**About this exercise**
What is needed is an exact copy of the lines in the listing below, from the one with "element, fill, save" up to and including the one with "#119=IFCINDEXEDPOLYGONALFACE((54,110,112,56));", with no other lines.

*** Information shown ***

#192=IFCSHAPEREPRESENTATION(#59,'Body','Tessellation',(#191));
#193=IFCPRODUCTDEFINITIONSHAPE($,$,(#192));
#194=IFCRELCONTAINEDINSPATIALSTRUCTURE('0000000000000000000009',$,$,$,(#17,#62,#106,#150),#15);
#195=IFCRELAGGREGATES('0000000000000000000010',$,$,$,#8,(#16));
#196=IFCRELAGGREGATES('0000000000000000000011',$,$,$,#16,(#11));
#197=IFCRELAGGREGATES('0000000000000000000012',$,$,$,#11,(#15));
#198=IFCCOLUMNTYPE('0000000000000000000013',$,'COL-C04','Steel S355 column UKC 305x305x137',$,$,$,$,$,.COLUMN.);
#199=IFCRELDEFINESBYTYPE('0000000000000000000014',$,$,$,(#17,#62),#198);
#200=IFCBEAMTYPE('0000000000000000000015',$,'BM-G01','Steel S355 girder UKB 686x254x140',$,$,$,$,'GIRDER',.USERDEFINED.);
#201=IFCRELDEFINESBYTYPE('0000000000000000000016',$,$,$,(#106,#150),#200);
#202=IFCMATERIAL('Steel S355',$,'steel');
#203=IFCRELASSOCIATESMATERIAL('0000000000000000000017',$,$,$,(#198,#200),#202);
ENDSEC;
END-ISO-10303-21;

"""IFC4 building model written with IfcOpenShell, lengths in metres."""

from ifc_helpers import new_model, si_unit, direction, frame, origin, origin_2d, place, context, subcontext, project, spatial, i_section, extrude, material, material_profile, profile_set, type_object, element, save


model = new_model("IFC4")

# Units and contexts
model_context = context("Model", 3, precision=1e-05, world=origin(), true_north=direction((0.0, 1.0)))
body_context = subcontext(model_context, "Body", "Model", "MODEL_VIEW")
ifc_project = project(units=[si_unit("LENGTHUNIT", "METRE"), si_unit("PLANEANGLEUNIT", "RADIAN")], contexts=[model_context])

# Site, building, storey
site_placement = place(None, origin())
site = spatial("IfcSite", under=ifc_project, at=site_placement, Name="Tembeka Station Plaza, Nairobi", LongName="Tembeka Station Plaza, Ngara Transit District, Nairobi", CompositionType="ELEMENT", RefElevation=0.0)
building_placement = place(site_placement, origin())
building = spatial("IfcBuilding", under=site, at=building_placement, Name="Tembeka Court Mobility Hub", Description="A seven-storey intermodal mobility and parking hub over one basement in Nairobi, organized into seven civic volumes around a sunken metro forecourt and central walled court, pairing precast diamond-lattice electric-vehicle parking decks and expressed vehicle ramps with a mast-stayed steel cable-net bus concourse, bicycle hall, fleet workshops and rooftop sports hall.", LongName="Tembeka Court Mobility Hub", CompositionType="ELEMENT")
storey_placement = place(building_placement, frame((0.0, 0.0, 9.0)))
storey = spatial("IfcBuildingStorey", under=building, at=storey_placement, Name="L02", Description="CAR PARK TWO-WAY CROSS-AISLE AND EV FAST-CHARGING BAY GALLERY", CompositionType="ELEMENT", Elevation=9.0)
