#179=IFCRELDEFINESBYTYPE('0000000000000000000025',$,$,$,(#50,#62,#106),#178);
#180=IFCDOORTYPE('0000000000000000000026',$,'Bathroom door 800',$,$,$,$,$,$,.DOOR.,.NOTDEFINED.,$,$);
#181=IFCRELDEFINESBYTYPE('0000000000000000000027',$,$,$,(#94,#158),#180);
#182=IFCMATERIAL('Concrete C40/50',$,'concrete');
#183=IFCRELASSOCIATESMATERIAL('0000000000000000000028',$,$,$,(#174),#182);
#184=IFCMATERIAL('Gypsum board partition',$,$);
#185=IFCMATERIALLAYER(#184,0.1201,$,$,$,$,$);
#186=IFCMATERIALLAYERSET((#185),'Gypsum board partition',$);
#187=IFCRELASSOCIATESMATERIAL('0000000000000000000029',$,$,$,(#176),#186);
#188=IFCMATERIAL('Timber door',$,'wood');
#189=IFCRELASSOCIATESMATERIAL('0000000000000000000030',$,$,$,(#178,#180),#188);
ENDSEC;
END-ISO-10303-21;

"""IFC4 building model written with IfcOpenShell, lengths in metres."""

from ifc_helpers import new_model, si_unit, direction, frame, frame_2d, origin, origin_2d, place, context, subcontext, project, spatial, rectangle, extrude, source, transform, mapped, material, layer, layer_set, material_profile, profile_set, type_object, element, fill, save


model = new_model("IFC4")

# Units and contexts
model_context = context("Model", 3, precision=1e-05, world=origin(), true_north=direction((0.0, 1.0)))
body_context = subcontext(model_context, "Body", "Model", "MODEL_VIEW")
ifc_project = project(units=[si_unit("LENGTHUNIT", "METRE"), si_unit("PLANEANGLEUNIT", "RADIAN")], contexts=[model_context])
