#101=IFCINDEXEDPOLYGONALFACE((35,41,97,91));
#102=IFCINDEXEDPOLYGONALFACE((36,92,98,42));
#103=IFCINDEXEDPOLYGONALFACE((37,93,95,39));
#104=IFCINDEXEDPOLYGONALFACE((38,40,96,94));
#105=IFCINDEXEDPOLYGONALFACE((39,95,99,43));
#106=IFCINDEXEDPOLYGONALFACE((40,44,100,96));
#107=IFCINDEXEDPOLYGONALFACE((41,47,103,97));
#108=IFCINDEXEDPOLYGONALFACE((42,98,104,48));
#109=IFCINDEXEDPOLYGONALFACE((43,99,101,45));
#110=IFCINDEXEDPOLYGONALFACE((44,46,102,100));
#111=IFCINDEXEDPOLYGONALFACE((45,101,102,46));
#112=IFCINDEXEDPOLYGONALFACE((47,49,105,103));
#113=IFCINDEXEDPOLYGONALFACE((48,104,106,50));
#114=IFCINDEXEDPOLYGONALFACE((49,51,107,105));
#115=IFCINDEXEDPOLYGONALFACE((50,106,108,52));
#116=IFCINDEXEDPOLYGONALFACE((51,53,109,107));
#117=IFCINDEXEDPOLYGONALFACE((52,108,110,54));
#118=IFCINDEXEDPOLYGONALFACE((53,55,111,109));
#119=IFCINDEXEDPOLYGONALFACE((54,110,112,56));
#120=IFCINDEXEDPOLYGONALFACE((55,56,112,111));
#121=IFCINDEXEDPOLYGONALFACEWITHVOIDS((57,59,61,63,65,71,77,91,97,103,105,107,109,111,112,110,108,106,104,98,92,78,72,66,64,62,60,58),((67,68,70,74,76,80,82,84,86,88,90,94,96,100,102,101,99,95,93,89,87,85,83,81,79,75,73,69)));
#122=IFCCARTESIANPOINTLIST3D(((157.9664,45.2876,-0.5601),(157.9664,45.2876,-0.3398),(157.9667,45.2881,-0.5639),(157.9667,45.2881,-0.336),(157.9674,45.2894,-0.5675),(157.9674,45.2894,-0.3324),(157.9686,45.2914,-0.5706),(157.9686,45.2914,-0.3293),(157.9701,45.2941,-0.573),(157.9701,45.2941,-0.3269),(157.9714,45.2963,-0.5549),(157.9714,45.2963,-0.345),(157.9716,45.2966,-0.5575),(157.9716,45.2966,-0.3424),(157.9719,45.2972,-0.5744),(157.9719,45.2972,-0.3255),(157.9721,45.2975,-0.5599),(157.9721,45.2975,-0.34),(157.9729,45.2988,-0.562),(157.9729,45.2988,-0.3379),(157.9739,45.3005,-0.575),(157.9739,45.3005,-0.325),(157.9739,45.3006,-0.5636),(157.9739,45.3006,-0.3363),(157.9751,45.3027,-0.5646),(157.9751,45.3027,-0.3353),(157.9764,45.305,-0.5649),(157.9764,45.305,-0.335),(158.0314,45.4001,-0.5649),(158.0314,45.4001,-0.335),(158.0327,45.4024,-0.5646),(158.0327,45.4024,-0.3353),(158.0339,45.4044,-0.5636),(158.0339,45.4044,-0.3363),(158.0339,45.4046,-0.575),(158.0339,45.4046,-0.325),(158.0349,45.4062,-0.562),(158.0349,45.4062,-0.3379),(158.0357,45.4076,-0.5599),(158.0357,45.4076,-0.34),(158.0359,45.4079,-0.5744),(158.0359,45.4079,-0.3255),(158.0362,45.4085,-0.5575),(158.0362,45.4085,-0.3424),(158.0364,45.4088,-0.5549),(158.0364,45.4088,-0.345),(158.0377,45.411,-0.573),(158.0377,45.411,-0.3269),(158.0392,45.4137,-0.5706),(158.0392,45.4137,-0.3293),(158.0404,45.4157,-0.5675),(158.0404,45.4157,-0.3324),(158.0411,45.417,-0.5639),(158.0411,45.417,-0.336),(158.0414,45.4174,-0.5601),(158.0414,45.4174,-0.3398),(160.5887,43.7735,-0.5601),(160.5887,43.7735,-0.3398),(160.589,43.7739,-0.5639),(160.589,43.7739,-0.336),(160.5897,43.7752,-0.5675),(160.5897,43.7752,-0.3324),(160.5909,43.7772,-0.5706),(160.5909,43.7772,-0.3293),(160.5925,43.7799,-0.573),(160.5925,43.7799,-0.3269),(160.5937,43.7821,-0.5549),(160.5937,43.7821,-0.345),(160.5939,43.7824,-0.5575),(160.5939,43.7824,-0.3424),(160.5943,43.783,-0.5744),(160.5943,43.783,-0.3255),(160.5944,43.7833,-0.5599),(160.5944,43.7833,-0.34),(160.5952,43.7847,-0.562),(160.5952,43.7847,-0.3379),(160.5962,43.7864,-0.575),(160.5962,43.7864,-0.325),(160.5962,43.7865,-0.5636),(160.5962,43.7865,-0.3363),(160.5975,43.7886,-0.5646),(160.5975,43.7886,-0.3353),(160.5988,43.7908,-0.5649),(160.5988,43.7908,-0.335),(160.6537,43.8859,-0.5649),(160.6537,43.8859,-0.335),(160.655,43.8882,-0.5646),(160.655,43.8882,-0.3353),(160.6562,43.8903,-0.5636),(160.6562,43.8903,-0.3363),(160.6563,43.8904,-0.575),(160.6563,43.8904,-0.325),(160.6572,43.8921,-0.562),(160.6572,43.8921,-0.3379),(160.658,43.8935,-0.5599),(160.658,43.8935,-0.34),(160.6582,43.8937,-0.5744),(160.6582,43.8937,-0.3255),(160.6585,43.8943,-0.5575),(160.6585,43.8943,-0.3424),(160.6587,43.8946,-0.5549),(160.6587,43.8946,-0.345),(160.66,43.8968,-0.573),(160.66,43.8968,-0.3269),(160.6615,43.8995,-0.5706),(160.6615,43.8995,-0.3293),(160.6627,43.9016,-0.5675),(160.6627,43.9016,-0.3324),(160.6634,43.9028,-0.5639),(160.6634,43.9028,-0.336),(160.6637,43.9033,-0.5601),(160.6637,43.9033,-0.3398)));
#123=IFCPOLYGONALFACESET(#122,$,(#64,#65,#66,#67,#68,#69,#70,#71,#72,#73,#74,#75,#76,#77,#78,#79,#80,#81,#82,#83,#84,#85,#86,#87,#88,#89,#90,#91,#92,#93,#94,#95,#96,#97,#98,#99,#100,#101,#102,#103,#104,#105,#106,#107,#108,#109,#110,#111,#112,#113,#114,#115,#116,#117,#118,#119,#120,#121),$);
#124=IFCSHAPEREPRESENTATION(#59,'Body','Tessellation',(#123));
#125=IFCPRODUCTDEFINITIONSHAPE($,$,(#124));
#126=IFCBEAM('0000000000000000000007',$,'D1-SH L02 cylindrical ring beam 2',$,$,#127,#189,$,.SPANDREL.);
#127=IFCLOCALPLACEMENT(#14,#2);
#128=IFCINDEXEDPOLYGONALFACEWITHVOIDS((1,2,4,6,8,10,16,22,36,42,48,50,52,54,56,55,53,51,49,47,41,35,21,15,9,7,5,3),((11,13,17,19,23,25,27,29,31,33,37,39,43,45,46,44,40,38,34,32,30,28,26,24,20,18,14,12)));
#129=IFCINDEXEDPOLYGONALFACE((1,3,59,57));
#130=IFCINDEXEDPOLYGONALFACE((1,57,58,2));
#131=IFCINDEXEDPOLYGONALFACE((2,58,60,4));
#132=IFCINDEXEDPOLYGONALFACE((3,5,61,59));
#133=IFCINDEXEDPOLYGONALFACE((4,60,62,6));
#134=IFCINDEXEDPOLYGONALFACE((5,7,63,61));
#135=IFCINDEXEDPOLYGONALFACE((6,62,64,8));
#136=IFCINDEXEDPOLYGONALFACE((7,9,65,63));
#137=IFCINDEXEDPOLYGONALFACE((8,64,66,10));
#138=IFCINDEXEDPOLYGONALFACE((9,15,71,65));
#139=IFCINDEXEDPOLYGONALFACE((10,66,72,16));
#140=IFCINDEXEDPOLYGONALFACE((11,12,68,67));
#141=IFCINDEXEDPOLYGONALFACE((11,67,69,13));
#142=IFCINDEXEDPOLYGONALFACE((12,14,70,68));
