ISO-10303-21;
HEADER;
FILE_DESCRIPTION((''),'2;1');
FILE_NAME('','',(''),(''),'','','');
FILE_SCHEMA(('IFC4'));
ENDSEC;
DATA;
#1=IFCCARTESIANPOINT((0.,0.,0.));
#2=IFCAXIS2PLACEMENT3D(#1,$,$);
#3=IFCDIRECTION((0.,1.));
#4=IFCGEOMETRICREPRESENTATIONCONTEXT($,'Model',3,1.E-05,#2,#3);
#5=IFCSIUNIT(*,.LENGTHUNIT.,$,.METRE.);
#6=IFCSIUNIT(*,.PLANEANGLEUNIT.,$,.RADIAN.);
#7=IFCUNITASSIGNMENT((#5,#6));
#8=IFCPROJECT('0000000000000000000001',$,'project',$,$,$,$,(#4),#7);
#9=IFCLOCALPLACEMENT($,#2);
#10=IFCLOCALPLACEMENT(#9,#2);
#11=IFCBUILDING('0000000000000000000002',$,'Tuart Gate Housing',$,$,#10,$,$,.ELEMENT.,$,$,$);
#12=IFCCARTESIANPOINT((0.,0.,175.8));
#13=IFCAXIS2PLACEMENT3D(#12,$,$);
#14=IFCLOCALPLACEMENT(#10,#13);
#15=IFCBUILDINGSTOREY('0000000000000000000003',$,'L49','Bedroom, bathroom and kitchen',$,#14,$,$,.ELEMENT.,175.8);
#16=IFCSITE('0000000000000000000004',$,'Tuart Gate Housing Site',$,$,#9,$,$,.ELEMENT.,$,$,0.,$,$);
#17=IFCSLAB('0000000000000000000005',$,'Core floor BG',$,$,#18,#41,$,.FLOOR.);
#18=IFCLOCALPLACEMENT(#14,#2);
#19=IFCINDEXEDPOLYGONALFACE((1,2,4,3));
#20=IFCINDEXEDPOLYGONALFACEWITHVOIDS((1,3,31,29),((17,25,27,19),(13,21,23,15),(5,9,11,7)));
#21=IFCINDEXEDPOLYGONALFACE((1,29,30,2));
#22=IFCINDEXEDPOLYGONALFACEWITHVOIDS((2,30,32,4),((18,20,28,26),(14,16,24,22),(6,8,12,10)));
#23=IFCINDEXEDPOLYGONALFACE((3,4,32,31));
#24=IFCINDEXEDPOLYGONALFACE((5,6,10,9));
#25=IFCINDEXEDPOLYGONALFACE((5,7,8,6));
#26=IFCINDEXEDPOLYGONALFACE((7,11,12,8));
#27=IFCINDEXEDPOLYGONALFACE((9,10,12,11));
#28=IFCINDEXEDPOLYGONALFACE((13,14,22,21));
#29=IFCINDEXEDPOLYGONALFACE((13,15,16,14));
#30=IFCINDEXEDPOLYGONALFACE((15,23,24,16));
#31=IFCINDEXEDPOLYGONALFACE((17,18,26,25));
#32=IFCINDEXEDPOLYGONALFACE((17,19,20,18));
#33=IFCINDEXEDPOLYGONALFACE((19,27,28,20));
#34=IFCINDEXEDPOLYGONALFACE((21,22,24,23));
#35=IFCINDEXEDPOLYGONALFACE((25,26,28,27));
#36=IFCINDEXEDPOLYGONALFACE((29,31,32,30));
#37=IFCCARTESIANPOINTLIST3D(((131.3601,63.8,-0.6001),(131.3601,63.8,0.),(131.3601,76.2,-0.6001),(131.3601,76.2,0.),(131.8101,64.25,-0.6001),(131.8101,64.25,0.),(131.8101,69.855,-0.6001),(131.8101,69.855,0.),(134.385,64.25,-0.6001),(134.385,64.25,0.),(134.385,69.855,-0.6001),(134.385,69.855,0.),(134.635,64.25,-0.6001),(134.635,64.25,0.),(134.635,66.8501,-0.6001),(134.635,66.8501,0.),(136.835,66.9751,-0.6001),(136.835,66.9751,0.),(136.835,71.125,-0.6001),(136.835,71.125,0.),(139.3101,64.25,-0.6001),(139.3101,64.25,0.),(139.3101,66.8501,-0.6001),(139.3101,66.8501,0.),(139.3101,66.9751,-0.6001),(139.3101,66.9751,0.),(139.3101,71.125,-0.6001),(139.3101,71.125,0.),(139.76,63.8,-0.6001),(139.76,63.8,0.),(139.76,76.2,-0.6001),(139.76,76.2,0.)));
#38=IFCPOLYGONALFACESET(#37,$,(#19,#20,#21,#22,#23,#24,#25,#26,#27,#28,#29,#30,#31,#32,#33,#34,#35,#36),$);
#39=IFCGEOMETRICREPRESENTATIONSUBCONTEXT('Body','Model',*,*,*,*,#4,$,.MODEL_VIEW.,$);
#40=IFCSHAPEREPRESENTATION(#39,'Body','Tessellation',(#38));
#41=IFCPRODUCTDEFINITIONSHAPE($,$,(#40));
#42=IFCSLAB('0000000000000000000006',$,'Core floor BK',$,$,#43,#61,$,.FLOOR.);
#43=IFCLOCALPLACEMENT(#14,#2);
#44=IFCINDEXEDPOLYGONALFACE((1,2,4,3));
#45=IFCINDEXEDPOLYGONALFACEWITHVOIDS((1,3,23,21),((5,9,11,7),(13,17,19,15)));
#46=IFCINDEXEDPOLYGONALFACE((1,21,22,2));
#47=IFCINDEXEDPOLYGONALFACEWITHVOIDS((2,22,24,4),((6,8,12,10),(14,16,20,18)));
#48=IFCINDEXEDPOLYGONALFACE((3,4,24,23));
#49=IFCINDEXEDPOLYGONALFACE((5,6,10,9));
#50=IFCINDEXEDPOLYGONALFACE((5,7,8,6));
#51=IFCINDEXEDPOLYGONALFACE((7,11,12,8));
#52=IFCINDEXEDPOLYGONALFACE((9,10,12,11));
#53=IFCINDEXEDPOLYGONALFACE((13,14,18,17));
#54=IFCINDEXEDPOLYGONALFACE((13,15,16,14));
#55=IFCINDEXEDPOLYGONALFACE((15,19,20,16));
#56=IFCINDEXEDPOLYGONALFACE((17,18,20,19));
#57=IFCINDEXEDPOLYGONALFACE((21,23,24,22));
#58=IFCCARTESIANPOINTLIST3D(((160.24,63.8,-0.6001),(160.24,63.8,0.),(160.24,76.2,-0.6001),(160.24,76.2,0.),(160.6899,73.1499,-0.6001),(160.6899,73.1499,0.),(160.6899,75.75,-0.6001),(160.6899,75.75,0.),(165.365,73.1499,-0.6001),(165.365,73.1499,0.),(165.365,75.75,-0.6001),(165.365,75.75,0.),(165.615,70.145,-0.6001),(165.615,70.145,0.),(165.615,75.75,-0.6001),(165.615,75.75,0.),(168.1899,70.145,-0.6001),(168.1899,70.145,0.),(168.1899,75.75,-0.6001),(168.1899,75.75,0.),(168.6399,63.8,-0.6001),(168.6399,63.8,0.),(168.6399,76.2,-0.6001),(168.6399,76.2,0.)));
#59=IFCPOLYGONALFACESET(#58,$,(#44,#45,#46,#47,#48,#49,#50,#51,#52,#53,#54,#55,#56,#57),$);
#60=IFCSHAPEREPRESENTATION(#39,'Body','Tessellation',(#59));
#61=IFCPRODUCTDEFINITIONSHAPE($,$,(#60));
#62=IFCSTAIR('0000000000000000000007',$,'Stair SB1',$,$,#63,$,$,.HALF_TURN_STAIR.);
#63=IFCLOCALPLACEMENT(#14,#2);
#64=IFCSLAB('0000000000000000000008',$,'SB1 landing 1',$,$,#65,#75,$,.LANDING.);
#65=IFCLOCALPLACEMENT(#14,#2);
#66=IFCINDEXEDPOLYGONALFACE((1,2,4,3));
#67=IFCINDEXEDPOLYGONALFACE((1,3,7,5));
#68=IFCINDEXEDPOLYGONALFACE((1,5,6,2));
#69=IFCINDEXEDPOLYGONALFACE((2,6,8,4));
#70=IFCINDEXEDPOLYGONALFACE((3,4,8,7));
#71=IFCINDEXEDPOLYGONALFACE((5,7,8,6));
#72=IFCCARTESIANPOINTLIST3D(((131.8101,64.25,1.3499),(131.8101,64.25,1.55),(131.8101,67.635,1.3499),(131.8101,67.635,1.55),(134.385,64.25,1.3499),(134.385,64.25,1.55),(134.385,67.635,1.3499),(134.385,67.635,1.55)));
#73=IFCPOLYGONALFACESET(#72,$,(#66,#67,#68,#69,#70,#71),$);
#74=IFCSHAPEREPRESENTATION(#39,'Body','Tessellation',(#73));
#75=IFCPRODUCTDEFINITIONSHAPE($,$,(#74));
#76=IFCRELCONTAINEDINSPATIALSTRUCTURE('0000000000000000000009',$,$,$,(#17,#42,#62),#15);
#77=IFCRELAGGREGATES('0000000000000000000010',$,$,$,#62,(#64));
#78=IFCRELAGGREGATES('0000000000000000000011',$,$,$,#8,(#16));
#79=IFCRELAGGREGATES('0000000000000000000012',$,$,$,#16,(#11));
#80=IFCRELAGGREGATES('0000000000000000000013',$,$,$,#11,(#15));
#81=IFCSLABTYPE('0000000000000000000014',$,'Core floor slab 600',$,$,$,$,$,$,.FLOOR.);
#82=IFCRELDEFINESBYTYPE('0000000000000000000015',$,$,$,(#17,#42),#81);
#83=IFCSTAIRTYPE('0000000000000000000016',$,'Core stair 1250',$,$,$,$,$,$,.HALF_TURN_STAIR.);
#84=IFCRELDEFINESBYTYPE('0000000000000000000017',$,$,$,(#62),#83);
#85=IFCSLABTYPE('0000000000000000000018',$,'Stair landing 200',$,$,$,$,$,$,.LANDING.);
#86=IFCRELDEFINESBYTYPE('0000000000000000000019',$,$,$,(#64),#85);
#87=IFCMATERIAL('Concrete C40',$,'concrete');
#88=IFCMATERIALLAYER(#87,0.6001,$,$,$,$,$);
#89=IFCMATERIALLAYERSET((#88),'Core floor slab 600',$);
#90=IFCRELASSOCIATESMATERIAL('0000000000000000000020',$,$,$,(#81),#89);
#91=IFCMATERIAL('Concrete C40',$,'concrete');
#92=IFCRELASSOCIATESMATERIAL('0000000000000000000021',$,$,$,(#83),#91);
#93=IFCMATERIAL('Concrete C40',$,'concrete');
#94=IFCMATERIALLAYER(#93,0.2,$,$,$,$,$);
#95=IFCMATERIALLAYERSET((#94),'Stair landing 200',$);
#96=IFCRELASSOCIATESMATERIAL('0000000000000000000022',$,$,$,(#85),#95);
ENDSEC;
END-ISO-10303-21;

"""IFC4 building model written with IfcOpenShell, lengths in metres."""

from ifc_helpers import new_model, si_unit, direction, frame, origin, place, context, subcontext, project, spatial, polyline, outline, extrude, material, layer, layer_set, type_object, element, aggregate, save


model = new_model("IFC4")

# Units and contexts
model_context = context("Model", 3, precision=1e-05, world=origin(), true_north=direction((0.0, 1.0)))
body_context = subcontext(model_context, "Body", "Model", "MODEL_VIEW")
ifc_project = project(units=[si_unit("LENGTHUNIT", "METRE"), si_unit("PLANEANGLEUNIT", "RADIAN")], contexts=[model_context])

# Site, building, storey
site_placement = place(None, origin())
site = spatial("IfcSite", under=ifc_project, at=site_placement, Name="Tuart Gate Housing Site", CompositionType="ELEMENT", RefElevation=0.0)
building_placement = place(site_placement, origin())
building = spatial("IfcBuilding", under=site, at=building_placement, Name="Tuart Gate Housing", CompositionType="ELEMENT")
storey_placement = place(building_placement, frame((0.0, 0.0, 175.8)))
storey = spatial("IfcBuildingStorey", under=building, at=storey_placement, Name="L49", Description="Bedroom, bathroom and kitchen", CompositionType="ELEMENT", Elevation=175.8)

# Slabs
ifc_material_1 = material(Name="Concrete C40", Category="concrete")
ifc_layer_1 = layer(ifc_material_1, 0.6001)
ifc_layer_set_1 = layer_set([ifc_layer_1], Name="Core floor slab 600")
slab_type_1 = type_object("IfcSlabType", Name="Core floor slab 600", PredefinedType="FLOOR", material=ifc_layer_set_1)
slab_1_placement = place(storey_placement, frame((0.0, 0.0, -0.6001)))
element("IfcSlab", 1, at=slab_1_placement, inside=storey, type_object=slab_type_1, Name="Core floor BG", PredefinedType="FLOOR", context=body_context, shape_type="SweptSolid", body=[
    extrude(outline(polyline([(131.3601, 63.8), (139.76, 63.8), (139.76, 76.2), (131.3601, 76.2), (131.3601, 63.8)]), holes=[polyline([(139.3101, 66.8501), (134.635, 66.8501), (134.635, 64.25), (139.3101, 64.25), (139.3101, 66.8501)]), polyline([(139.3101, 71.125), (136.835, 71.125), (136.835, 66.9751), (139.3101, 66.9751), (139.3101, 71.125)]), polyline([(134.385, 69.855), (131.8101, 69.855), (131.8101, 64.25), (134.385, 64.25), (134.385, 69.855)])]), origin(), (0.0, 0.0, 1.0), 0.6001),
])
slab_2_placement = place(storey_placement, frame((0.0, 0.0, -0.6001)))
element("IfcSlab", 2, at=slab_2_placement, inside=storey, type_object=slab_type_1, Name="Core floor BK", PredefinedType="FLOOR", context=body_context, shape_type="SweptSolid", body=[
    extrude(outline(polyline([(160.24, 63.8), (168.6399, 63.8), (168.6399, 76.2), (160.24, 76.2), (160.24, 63.8)]), holes=[polyline([(160.6899, 73.1499), (165.365, 73.1499), (165.365, 75.75), (160.6899, 75.75), (160.6899, 73.1499)]), polyline([(165.615, 70.145), (168.1899, 70.145), (168.1899, 75.75), (165.615, 75.75), (165.615, 70.145)])]), origin(), (0.0, 0.0, 1.0), 0.6001),
])

# Stair, slab
ifc_material_2 = material(Name="Concrete C40", Category="concrete")
stair_type = type_object("IfcStairType", Name="Core stair 1250", PredefinedType="HALF_TURN_STAIR", material=ifc_material_2)
stair_placement = place(storey_placement, origin())
stair = element("IfcStair", 3, at=stair_placement, inside=storey, type_object=stair_type, Name="Stair SB1", PredefinedType="HALF_TURN_STAIR")
ifc_material_3 = material(Name="Concrete C40", Category="concrete")
ifc_layer_2 = layer(ifc_material_3, 0.2)
ifc_layer_set_2 = layer_set([ifc_layer_2], Name="Stair landing 200")
slab_type_2 = type_object("IfcSlabType", Name="Stair landing 200", PredefinedType="LANDING", material=ifc_layer_set_2)
slab_3_placement = place(storey_placement, frame((0.0, 0.0, 1.3499)))
slab_3 = element("IfcSlab", 4, at=slab_3_placement, type_object=slab_type_2, Name="SB1 landing 1", PredefinedType="LANDING", context=body_context, shape_type="SweptSolid", body=[
    extrude(outline(polyline([(134.385, 67.635), (131.8101, 67.635), (131.8101, 64.25), (134.385, 64.25), (134.385, 67.635)])), origin(), (0.0, 0.0, 1.0), 0.2002),
])
aggregate(stair, [slab_3])

save(model, "model.ifc")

*** End of Information shown ***

**Result for this exercise**
from ifc_helpers import new_model, si_unit, direction, frame, frame_2d, origin, origin_2d, place, context, subcontext, project, spatial, rectangle, extrude, source, transform, mapped, material, layer, layer_set, material_profile, profile_set, type_object, element, fill, save


model = new_model("IFC4")

# Units and contexts
model_context = context("Model", 3, precision=1e-05, world=origin(), true_north=direction((0.0, 1.0)))
body_context = subcontext(model_context, "Body", "Model", "MODEL_VIEW")
ifc_project = project(units=[si_unit("LENGTHUNIT", "METRE"), si_unit("PLANEANGLEUNIT", "RADIAN")], contexts=[model_context])
#101=IFCINDEXEDPOLYGONALFACE((35,41,97,91));
#102=IFCINDEXEDPOLYGONALFACE((36,92,98,42));
#103=IFCINDEXEDPOLYGONALFACE((37,93,95,39));
#104=IFCINDEXEDPOLYGONALFACE((38,40,96,94));
#105=IFCINDEXEDPOLYGONALFACE((39,95,99,43));
#106=IFCINDEXEDPOLYGONALFACE((40,44,100,96));
#107=IFCINDEXEDPOLYGONALFACE((41,47,103,97));
#108=IFCINDEXEDPOLYGONALFACE((42,98,104,48));
#109=IFCINDEXEDPOLYGONALFACE((43,99,101,45));
#110=IFCINDEXEDPOLYGONALFACE((44,46,102,100));
#111=IFCINDEXEDPOLYGONALFACE((45,101,102,46));
#112=IFCINDEXEDPOLYGONALFACE((47,49,105,103));
#113=IFCINDEXEDPOLYGONALFACE((48,104,106,50));
#114=IFCINDEXEDPOLYGONALFACE((49,51,107,105));
#115=IFCINDEXEDPOLYGONALFACE((50,106,108,52));
#116=IFCINDEXEDPOLYGONALFACE((51,53,109,107));
#117=IFCINDEXEDPOLYGONALFACE((52,108,110,54));
#118=IFCINDEXEDPOLYGONALFACE((53,55,111,109));
#119=IFCINDEXEDPOLYGONALFACE((54,110,112,56));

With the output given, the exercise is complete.